= Beginning of Section =

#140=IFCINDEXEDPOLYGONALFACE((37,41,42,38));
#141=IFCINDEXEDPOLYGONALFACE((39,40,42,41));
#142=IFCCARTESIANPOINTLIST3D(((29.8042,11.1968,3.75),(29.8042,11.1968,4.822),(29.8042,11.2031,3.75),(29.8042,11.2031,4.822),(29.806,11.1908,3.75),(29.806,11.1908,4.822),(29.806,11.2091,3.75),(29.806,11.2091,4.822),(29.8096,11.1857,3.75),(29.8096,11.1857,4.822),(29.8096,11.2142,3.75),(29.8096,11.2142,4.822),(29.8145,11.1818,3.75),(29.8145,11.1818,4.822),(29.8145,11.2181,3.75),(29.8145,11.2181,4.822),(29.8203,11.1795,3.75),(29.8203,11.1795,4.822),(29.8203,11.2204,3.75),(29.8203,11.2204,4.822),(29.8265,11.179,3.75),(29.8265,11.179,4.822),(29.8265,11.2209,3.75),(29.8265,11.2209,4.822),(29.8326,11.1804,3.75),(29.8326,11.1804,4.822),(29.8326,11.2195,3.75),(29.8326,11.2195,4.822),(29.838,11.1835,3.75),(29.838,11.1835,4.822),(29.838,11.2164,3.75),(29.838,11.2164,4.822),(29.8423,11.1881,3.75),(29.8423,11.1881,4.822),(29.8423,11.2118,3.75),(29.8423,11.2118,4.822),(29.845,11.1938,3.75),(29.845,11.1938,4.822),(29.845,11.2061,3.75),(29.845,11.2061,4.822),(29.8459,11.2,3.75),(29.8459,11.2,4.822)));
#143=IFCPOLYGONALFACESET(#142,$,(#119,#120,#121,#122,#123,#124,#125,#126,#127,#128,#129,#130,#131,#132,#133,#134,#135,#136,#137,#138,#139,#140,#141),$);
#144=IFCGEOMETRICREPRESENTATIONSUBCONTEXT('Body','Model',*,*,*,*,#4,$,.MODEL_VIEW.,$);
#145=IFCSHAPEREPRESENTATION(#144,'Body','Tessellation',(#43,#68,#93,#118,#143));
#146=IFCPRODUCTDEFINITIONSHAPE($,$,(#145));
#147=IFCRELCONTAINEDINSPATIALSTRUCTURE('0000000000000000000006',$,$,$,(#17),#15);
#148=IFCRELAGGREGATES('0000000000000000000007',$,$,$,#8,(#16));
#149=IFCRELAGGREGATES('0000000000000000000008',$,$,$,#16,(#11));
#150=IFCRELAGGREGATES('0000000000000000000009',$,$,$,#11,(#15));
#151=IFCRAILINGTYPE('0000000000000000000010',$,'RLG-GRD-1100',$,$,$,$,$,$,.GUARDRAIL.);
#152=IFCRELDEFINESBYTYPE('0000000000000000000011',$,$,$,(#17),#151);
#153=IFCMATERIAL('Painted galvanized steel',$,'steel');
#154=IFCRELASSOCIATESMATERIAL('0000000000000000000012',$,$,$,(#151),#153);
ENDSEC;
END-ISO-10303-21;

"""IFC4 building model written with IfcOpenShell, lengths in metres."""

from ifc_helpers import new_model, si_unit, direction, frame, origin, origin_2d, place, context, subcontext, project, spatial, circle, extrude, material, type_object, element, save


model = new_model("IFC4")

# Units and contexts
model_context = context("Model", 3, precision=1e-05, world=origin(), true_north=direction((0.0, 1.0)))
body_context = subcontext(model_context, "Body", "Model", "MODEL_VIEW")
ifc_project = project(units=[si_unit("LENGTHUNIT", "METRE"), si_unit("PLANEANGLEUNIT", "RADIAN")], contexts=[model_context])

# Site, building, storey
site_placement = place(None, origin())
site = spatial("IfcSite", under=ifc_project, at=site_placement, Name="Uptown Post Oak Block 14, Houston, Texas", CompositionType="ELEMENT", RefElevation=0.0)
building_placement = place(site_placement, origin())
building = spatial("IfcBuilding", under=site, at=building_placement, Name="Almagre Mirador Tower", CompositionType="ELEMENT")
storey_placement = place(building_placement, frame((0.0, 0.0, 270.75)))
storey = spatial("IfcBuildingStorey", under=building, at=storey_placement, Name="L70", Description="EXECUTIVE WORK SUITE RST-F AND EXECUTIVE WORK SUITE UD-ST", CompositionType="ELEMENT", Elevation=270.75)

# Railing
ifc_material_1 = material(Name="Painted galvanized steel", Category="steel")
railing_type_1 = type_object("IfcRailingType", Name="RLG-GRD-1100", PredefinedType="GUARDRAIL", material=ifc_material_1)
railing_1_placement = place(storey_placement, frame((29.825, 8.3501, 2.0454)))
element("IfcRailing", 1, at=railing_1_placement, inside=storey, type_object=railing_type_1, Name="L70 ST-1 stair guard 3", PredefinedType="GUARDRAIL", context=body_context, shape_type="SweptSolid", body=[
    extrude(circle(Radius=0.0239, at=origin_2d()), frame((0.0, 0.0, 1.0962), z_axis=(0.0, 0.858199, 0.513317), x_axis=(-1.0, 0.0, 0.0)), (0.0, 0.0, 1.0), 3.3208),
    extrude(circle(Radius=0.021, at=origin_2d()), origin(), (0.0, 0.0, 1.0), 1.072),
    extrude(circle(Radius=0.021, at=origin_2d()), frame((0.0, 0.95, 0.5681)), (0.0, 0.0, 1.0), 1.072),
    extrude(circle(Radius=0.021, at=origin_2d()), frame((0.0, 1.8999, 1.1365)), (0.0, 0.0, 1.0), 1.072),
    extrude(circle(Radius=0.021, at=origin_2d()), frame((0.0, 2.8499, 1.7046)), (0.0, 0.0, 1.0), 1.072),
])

= End of Section =
= Beginning of Section =

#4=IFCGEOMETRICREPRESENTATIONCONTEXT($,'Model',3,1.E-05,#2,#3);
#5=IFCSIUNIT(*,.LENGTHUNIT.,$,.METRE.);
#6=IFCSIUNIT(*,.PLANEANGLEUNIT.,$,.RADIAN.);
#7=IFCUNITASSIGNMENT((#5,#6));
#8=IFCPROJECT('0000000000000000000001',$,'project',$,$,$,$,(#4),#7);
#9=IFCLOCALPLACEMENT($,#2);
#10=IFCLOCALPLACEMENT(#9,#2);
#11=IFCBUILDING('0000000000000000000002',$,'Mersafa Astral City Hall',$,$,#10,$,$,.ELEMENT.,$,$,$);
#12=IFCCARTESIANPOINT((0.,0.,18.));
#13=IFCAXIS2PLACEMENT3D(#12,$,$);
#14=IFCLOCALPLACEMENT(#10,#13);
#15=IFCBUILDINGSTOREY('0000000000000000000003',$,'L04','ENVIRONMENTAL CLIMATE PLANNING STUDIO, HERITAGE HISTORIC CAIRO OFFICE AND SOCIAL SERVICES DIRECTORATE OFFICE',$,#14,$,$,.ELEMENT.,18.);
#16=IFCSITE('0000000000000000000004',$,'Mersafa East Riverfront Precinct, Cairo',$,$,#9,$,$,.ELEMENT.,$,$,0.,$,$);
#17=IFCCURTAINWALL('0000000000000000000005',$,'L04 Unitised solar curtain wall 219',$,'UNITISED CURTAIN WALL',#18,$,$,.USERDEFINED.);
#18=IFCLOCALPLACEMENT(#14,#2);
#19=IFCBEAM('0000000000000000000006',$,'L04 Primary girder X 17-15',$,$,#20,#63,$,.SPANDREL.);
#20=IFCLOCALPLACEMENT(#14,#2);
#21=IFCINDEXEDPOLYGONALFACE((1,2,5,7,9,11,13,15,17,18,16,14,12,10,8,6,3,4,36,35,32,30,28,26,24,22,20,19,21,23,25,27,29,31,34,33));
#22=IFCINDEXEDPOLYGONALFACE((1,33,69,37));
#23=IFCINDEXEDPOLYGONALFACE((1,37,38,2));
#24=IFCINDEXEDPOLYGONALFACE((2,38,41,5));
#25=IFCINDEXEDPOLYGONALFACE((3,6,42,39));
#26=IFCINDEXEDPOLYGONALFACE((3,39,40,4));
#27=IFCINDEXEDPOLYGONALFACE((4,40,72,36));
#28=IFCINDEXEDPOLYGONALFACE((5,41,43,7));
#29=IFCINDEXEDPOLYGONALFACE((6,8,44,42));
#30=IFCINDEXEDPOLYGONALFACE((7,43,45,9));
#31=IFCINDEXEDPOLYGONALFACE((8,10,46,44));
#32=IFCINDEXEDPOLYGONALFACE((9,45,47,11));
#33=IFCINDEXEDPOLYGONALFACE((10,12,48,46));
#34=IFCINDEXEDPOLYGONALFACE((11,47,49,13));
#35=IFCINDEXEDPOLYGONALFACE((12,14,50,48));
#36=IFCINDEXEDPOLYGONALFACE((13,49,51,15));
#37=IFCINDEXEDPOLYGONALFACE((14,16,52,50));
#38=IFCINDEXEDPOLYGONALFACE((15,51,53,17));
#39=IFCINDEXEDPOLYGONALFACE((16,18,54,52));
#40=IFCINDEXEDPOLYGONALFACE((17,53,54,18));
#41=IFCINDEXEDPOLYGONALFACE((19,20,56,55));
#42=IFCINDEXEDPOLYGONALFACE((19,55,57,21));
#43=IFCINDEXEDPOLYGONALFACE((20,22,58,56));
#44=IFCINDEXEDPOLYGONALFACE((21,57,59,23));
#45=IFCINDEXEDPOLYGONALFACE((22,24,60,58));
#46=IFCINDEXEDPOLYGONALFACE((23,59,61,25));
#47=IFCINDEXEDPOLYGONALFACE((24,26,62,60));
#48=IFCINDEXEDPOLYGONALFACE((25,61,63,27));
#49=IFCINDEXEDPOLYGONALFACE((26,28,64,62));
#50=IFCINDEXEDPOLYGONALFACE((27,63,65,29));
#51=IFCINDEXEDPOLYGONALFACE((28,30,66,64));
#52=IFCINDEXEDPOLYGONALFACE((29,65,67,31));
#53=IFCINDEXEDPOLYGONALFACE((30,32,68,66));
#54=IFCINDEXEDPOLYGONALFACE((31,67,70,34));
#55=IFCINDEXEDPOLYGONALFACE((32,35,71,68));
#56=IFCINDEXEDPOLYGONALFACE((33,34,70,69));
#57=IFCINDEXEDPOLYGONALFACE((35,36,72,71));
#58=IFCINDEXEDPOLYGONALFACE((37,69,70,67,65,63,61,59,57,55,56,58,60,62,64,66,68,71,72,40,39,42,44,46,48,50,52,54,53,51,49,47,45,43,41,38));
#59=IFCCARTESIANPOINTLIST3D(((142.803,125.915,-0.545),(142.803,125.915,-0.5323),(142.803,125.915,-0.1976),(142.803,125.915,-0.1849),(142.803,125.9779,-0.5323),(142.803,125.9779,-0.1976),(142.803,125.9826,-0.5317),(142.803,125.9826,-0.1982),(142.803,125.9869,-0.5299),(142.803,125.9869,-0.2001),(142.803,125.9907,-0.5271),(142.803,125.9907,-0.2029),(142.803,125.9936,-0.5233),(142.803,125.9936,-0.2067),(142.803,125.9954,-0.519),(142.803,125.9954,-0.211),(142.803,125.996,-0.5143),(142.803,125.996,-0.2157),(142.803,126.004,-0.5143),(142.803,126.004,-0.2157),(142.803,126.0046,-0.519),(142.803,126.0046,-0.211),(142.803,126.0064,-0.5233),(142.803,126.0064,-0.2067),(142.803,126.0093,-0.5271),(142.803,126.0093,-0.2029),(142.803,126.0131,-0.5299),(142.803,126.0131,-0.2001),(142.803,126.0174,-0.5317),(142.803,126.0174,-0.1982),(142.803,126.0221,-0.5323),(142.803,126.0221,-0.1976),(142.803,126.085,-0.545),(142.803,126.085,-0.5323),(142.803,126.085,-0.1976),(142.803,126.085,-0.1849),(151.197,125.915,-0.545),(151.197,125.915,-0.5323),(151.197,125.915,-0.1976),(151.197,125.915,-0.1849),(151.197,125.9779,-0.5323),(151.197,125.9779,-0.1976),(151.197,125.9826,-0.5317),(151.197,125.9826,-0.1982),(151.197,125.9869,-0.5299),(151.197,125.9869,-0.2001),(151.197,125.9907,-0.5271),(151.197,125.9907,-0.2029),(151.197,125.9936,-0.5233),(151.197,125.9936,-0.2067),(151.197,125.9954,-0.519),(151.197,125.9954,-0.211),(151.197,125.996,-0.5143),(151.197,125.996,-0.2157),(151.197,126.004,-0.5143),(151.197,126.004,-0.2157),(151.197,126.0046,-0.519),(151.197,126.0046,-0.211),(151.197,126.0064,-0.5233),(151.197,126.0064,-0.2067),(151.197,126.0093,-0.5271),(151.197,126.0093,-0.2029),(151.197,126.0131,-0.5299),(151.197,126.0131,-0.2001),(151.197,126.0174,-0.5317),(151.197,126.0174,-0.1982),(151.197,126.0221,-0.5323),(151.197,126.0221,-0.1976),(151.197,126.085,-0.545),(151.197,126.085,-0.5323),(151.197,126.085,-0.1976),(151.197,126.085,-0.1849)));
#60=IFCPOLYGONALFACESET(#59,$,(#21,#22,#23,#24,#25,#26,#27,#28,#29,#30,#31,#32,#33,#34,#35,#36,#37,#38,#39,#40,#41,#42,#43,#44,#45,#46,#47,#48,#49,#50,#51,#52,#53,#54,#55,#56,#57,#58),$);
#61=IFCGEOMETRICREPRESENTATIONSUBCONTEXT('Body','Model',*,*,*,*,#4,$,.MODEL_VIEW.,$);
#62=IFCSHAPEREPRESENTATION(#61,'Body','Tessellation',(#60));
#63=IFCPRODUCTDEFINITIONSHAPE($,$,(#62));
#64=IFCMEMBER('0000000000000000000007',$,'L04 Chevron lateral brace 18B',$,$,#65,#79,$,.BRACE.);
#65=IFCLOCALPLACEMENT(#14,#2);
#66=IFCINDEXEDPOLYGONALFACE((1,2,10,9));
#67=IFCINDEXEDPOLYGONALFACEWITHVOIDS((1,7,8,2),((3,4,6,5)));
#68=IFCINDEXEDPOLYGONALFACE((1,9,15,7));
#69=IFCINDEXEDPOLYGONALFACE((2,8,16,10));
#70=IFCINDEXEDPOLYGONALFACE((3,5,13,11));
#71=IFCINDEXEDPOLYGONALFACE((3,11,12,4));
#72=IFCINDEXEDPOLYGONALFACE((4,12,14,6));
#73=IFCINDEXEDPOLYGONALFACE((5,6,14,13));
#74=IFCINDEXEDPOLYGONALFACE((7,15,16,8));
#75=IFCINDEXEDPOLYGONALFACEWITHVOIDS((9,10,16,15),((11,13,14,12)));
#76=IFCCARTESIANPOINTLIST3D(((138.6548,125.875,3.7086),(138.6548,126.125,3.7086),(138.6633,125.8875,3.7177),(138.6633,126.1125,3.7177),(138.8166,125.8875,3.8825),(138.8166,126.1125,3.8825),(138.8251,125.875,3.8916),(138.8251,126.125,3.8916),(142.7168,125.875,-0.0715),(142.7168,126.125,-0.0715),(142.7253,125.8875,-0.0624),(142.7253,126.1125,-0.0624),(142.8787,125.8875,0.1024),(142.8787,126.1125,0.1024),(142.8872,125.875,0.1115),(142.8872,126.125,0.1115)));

= End of Section =

• [EXERCISE OBJECTIVE]: List every line above containing the word "IFCSHAPEREPRESENTATION".

• [ANSWER AREA]:
#145=IFCSHAPEREPRESENTATION(#144,'Body','Tessellation',(#43,#68,#93,#118,#143));
#62=IFCSHAPEREPRESENTATION(#61,'Body','Tessellation',(#60));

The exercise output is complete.